### Aim of the exercise
Would you please state how many lines in the entries contain the word "Name"? Only the number should be given.

(Collected data)
━━━━━━
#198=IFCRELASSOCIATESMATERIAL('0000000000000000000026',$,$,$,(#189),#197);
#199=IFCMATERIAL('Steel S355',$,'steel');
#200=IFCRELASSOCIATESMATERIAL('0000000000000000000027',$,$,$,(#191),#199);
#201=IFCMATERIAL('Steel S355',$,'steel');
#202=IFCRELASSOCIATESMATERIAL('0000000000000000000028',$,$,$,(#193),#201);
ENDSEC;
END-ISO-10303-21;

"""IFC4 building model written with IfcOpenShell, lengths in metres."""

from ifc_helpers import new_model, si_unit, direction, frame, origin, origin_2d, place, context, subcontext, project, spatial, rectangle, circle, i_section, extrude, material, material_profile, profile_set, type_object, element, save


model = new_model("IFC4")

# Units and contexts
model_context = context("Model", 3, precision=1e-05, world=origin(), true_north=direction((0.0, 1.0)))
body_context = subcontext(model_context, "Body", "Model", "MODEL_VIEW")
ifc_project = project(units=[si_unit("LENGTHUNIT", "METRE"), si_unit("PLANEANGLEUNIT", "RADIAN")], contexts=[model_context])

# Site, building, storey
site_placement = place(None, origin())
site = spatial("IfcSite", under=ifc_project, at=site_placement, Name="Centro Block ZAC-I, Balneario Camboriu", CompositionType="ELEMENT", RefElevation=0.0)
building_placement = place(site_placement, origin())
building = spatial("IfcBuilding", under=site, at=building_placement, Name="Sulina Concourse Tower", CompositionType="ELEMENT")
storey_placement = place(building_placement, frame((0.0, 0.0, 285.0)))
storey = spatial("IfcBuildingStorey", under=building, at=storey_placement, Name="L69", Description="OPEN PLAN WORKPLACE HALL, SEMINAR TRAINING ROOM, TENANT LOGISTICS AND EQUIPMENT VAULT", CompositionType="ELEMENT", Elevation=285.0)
━━━━━━
### Written response
3